(Listed records)
━━━━━━━━━━
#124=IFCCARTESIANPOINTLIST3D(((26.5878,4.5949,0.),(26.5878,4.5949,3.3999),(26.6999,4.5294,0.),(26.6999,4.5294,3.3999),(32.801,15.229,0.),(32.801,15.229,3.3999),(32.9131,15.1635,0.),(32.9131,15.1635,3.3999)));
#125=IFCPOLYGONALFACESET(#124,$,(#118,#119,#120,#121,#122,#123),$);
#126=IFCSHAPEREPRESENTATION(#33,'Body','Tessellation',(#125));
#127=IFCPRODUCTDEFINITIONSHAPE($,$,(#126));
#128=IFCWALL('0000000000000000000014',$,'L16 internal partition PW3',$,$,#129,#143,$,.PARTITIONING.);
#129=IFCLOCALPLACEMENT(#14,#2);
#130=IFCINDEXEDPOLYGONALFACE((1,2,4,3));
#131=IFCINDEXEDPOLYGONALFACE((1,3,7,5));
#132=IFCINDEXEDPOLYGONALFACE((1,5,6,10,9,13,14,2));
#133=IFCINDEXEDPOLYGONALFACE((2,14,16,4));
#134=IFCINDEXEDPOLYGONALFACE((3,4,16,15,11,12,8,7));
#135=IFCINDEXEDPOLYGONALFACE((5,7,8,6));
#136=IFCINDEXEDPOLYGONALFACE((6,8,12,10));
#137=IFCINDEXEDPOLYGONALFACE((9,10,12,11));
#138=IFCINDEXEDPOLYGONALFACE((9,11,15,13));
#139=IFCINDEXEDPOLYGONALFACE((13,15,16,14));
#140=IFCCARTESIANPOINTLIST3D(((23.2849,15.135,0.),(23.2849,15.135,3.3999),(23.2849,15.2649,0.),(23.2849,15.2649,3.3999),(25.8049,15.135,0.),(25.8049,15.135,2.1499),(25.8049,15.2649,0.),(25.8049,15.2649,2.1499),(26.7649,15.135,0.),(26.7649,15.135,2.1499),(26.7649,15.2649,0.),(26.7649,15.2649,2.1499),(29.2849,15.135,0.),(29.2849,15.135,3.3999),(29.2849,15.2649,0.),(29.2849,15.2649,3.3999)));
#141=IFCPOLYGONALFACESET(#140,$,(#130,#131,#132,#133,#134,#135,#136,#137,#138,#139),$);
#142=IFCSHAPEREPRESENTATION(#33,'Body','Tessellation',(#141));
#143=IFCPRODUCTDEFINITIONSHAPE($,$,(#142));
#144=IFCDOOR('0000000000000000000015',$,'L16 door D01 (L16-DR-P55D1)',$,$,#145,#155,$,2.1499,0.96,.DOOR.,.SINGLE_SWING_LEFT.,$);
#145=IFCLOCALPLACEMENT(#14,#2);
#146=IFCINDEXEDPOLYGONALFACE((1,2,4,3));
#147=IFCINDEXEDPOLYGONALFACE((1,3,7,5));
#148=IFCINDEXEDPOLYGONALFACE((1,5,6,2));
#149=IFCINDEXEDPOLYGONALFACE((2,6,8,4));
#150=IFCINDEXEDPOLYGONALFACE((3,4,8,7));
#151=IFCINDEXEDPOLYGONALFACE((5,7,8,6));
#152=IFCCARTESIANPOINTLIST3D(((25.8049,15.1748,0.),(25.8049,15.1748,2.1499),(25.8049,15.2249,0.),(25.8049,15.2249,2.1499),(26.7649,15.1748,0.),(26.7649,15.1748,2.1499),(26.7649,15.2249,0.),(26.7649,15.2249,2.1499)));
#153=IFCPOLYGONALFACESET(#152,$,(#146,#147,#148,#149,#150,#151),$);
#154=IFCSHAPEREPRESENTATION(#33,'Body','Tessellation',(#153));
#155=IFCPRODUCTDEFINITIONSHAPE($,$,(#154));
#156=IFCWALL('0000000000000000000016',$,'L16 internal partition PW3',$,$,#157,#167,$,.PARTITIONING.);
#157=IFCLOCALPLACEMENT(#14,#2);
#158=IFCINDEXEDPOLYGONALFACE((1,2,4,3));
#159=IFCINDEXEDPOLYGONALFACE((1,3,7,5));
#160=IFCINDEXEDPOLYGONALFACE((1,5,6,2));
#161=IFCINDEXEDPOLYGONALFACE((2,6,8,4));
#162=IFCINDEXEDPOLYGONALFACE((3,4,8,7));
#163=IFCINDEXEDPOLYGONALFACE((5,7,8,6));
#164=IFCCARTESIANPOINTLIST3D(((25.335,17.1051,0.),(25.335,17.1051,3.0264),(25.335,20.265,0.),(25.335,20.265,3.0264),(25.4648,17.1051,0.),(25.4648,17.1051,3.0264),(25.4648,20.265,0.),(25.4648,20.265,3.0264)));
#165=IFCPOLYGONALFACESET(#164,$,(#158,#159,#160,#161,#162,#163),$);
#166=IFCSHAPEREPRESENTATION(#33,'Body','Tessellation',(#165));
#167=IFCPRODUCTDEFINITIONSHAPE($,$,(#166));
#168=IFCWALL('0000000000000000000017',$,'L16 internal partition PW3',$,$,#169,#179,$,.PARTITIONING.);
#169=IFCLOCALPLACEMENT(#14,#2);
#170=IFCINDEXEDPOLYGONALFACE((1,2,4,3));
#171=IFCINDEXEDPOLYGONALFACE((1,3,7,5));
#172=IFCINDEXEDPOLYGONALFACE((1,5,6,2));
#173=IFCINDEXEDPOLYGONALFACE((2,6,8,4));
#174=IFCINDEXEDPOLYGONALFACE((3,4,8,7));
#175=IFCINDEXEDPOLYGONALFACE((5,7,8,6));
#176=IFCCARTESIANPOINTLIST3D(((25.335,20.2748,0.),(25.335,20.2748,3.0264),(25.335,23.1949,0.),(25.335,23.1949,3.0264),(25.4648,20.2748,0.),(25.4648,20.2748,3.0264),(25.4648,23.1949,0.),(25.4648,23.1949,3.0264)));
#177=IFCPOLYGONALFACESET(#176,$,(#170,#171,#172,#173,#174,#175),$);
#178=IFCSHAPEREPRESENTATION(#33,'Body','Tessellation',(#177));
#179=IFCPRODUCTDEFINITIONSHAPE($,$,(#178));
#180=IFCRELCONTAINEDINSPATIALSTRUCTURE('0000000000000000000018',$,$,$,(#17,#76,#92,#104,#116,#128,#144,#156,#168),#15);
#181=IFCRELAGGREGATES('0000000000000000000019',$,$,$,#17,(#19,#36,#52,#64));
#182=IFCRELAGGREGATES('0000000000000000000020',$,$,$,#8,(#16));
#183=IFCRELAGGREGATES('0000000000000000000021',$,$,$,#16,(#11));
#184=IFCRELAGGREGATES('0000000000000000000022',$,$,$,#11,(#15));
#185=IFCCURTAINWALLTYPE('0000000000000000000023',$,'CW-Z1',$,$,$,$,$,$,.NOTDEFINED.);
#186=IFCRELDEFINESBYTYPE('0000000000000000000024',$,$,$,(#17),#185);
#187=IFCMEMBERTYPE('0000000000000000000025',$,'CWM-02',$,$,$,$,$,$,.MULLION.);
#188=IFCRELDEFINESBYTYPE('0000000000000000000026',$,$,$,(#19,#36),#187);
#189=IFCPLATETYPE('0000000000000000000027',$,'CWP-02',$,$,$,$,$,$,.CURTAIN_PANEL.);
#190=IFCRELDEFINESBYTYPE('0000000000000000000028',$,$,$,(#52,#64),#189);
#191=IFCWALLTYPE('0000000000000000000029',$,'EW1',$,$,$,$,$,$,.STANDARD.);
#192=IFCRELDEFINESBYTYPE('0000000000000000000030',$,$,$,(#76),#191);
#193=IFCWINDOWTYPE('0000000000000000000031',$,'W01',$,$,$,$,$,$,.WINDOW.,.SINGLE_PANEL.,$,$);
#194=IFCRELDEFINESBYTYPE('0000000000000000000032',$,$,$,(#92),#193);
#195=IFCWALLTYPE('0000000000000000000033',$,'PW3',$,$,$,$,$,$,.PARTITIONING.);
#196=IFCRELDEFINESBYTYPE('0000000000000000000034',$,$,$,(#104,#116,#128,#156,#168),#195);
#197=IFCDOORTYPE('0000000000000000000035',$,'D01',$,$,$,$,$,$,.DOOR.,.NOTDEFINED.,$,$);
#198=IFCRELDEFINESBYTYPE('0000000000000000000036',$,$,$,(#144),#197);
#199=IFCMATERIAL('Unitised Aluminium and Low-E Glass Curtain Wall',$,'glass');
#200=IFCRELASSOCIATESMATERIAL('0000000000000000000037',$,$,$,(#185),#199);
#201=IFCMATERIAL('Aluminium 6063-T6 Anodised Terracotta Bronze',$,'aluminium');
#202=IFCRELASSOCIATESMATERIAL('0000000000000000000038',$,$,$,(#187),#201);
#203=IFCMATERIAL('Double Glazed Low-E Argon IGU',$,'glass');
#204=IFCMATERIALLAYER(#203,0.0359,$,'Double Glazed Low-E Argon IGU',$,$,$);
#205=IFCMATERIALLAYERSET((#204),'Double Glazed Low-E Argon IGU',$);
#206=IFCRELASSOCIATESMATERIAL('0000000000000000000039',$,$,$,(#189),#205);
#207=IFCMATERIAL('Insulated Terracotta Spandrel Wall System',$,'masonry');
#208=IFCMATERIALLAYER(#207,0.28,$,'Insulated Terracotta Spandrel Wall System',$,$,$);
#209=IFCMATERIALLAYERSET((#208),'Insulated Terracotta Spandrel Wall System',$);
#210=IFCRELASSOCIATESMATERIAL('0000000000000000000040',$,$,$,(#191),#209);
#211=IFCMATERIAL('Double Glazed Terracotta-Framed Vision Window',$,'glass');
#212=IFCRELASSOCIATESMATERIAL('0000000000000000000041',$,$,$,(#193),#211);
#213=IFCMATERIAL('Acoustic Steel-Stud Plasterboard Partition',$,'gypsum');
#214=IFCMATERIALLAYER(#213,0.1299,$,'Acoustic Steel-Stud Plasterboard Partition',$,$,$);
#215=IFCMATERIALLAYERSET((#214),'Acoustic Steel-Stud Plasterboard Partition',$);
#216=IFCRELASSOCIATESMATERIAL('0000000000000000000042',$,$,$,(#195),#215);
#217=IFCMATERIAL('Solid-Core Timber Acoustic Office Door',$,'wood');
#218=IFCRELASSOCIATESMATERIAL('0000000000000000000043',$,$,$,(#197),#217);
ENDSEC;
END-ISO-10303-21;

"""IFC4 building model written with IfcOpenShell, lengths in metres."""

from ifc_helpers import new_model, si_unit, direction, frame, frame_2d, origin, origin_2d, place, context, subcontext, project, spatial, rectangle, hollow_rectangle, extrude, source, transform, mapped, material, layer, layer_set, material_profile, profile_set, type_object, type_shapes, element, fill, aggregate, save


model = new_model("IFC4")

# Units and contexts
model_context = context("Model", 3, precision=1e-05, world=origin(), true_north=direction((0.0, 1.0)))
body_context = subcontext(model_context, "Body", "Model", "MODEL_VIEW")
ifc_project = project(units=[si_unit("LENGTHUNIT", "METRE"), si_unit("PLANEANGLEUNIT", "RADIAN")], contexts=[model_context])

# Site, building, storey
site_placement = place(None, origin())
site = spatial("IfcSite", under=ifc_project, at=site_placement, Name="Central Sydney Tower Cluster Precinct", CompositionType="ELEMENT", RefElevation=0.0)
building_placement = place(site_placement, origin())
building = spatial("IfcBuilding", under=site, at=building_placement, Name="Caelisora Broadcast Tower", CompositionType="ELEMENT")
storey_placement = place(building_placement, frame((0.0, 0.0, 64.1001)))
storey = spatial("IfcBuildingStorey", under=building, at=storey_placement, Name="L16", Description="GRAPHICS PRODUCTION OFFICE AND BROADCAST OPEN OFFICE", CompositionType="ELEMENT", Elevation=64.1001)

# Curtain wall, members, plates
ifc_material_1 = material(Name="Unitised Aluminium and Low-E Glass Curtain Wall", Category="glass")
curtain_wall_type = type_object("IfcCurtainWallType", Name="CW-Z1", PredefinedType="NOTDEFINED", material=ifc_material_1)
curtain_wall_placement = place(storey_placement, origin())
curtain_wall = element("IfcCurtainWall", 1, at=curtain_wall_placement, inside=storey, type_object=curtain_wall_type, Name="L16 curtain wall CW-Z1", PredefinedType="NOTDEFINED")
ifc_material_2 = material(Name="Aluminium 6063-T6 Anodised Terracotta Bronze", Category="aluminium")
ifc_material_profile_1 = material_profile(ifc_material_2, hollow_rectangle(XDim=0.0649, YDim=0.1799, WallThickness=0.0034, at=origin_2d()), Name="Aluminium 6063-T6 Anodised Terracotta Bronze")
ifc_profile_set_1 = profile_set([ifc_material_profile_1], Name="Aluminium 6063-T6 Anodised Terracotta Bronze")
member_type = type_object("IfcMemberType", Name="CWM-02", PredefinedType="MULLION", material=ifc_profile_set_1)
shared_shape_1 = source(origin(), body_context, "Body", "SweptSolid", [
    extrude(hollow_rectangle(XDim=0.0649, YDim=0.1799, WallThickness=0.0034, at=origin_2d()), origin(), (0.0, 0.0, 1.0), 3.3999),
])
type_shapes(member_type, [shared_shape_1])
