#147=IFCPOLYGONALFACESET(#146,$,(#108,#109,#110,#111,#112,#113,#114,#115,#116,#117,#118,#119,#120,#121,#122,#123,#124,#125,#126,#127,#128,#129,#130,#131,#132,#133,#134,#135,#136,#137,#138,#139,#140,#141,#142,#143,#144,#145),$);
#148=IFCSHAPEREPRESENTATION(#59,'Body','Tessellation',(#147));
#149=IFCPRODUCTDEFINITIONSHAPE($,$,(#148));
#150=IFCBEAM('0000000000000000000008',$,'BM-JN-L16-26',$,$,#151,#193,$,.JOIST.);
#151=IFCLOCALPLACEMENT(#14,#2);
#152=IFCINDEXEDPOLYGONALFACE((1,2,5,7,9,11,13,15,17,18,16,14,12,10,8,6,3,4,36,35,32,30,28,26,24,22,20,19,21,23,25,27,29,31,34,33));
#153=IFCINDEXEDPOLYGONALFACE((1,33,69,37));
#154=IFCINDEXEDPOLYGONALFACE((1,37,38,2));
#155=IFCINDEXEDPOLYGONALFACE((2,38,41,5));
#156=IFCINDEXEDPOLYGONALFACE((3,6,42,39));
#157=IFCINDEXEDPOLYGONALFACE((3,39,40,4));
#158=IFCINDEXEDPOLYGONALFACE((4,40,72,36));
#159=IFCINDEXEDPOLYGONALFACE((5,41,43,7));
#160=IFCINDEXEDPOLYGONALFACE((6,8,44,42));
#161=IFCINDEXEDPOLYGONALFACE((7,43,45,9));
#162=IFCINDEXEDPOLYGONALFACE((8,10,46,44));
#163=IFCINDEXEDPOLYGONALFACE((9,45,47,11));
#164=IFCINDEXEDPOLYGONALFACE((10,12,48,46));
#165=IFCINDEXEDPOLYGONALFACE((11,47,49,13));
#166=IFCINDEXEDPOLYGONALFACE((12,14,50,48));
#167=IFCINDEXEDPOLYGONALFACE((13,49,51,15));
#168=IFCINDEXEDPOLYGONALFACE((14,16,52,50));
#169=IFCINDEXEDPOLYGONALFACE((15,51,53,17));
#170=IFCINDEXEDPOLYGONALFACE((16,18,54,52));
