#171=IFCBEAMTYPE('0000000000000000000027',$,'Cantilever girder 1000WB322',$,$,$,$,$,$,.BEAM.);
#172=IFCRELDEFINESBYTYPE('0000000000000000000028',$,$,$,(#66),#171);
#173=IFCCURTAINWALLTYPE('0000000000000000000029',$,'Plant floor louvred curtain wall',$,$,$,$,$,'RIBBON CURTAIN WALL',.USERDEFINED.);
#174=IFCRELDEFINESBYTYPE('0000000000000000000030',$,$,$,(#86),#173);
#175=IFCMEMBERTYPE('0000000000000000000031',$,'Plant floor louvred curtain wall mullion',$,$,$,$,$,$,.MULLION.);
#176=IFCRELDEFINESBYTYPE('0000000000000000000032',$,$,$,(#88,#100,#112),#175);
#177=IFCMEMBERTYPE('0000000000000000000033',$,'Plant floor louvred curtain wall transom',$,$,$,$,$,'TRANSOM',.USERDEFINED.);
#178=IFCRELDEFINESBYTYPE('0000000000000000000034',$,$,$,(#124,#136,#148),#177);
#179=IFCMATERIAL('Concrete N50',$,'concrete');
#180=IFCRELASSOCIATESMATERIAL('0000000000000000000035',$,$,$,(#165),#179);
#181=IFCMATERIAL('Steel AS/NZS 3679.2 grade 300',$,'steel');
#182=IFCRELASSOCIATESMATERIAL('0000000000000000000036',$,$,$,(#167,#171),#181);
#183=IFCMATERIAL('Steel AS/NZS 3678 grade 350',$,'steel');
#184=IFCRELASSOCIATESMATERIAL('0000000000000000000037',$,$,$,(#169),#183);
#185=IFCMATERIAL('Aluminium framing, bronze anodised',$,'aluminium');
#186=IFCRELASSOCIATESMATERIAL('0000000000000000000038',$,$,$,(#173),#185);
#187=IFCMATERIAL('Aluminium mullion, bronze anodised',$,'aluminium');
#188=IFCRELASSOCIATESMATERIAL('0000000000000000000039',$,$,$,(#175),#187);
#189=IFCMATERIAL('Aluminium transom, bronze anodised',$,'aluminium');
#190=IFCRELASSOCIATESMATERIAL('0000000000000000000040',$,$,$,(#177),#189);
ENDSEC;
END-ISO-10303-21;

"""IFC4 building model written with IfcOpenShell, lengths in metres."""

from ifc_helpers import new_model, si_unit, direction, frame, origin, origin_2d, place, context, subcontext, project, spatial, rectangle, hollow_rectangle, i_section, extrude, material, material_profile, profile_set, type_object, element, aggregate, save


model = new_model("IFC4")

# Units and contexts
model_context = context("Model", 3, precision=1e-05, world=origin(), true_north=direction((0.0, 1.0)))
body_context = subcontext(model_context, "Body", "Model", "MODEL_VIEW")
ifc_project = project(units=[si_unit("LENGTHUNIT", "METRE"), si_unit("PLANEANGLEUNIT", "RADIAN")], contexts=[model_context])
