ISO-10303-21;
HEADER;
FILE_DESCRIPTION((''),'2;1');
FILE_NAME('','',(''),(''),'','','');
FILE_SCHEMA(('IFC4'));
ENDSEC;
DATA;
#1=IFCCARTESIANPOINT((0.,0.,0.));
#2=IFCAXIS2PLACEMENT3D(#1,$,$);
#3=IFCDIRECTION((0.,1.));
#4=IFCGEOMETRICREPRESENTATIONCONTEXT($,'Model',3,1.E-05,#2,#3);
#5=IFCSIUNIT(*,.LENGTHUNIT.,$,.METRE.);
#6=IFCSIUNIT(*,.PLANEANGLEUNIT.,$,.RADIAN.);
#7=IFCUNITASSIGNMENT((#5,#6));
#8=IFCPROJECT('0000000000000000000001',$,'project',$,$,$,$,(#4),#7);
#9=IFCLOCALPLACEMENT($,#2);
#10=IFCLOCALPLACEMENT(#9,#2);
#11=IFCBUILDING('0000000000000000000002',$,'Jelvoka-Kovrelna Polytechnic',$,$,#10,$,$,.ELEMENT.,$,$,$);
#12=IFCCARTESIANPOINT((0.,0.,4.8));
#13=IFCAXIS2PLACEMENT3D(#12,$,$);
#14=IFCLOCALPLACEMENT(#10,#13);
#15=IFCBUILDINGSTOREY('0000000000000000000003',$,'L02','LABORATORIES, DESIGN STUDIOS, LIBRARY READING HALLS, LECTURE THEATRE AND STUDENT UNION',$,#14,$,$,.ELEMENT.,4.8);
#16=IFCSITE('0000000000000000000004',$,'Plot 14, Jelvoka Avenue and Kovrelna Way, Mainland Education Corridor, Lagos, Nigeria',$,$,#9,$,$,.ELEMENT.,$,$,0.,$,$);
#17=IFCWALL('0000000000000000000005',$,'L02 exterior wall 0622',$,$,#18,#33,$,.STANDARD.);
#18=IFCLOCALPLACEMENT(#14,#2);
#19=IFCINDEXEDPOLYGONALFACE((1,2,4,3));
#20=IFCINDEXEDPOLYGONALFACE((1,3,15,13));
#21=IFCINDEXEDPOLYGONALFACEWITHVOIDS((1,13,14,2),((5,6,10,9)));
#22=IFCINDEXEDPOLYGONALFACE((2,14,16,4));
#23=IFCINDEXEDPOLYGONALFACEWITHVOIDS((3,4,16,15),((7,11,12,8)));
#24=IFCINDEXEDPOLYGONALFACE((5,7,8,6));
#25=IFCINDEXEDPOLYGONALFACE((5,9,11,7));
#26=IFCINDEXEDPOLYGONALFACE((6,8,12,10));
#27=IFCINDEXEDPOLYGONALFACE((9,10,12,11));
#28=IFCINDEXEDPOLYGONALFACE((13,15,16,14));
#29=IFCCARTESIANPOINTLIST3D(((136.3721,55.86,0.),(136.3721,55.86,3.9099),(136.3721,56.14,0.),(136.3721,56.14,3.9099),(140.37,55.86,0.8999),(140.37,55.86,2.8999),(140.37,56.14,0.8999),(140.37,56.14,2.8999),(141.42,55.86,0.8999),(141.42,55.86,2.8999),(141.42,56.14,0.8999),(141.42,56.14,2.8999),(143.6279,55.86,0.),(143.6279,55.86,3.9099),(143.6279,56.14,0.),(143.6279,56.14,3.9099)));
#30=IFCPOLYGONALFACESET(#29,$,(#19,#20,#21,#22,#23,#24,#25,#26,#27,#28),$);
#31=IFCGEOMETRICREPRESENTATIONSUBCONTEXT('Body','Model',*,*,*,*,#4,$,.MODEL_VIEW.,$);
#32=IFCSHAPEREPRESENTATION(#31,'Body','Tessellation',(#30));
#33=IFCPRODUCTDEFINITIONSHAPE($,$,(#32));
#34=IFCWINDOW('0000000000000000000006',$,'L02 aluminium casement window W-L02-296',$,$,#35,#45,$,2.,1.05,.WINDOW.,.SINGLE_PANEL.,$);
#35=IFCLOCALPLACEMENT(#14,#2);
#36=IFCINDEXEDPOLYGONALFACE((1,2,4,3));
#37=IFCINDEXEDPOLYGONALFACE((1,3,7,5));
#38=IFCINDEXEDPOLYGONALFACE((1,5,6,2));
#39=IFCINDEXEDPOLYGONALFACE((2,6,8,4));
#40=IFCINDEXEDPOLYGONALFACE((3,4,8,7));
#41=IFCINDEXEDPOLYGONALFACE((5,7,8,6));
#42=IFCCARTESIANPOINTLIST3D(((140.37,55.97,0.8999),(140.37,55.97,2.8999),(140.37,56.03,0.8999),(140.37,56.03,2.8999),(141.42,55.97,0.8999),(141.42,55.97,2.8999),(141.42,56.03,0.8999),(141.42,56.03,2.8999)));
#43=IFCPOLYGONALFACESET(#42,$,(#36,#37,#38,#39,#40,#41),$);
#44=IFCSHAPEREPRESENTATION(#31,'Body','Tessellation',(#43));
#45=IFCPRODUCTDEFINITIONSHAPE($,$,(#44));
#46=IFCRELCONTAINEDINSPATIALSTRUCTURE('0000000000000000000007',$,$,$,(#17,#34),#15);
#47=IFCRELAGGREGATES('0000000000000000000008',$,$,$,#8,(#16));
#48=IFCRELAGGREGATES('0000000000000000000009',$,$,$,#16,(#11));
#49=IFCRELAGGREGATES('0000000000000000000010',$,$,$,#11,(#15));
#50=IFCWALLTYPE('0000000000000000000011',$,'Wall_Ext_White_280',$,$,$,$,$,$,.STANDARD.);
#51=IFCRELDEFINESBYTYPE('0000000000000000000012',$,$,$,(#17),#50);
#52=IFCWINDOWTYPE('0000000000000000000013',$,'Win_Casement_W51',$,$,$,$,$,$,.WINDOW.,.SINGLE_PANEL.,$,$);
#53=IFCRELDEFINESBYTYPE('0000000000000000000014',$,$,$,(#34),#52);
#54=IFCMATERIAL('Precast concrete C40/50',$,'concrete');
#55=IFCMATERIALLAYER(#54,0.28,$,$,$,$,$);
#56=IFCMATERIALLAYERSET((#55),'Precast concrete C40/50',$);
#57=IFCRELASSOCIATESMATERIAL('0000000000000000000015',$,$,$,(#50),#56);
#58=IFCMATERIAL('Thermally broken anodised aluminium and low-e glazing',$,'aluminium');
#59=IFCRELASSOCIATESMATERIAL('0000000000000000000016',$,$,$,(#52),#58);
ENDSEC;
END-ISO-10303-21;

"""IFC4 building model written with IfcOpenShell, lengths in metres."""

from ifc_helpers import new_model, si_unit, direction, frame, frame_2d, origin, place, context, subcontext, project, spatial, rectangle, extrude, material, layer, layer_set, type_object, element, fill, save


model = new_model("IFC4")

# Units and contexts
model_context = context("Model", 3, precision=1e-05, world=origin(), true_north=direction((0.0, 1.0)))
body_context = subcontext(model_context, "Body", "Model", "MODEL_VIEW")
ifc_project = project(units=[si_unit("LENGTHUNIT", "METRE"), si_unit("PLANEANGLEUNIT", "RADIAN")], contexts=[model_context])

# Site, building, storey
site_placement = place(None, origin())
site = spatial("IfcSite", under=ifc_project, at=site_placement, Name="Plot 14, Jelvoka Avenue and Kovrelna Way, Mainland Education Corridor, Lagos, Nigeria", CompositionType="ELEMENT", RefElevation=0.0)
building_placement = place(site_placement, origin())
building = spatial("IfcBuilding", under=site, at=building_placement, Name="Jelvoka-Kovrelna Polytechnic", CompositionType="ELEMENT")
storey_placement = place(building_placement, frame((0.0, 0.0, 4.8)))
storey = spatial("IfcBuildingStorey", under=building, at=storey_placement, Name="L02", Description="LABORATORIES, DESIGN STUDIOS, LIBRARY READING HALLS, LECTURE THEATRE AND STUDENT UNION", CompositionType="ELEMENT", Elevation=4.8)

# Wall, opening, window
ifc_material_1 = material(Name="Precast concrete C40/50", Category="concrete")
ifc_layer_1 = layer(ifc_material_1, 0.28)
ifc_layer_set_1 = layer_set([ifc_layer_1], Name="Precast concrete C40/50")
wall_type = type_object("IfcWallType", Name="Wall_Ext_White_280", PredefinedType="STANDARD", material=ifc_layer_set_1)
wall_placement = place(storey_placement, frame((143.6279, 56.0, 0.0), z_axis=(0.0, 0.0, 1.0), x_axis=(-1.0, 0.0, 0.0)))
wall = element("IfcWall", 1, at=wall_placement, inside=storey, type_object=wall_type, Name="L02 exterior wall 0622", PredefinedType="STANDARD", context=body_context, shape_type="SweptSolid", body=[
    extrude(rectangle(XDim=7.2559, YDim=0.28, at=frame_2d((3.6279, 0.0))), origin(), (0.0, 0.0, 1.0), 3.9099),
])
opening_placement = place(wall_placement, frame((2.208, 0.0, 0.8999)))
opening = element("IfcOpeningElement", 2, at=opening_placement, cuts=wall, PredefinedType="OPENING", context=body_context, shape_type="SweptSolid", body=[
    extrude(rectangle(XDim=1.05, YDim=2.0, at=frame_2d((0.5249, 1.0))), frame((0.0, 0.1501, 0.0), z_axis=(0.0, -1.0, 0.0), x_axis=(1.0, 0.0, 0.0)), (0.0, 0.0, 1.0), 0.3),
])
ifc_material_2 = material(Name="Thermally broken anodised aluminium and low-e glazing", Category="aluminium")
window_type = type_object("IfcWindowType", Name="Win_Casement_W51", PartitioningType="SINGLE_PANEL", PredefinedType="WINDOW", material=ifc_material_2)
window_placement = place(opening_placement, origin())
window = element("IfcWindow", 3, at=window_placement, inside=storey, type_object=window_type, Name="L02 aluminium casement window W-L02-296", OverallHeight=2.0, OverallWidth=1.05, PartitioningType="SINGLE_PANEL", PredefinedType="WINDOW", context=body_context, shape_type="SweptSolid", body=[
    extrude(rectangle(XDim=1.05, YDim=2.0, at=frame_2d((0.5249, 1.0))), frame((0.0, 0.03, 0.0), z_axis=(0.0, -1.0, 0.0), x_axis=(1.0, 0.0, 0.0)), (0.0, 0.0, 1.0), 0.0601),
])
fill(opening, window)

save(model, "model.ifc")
━━━━━━━━━━
(Task requirements)
If a line in the listing holds the word "USERDEFINED", copy it out.

(Answer to this problem)
#173=IFCCURTAINWALLTYPE('0000000000000000000029',$,'Plant floor louvred curtain wall',$,$,$,$,$,'RIBBON CURTAIN WALL',.USERDEFINED.);
#177=IFCMEMBERTYPE('0000000000000000000033',$,'Plant floor louvred curtain wall transom',$,$,$,$,$,'TRANSOM',.USERDEFINED.);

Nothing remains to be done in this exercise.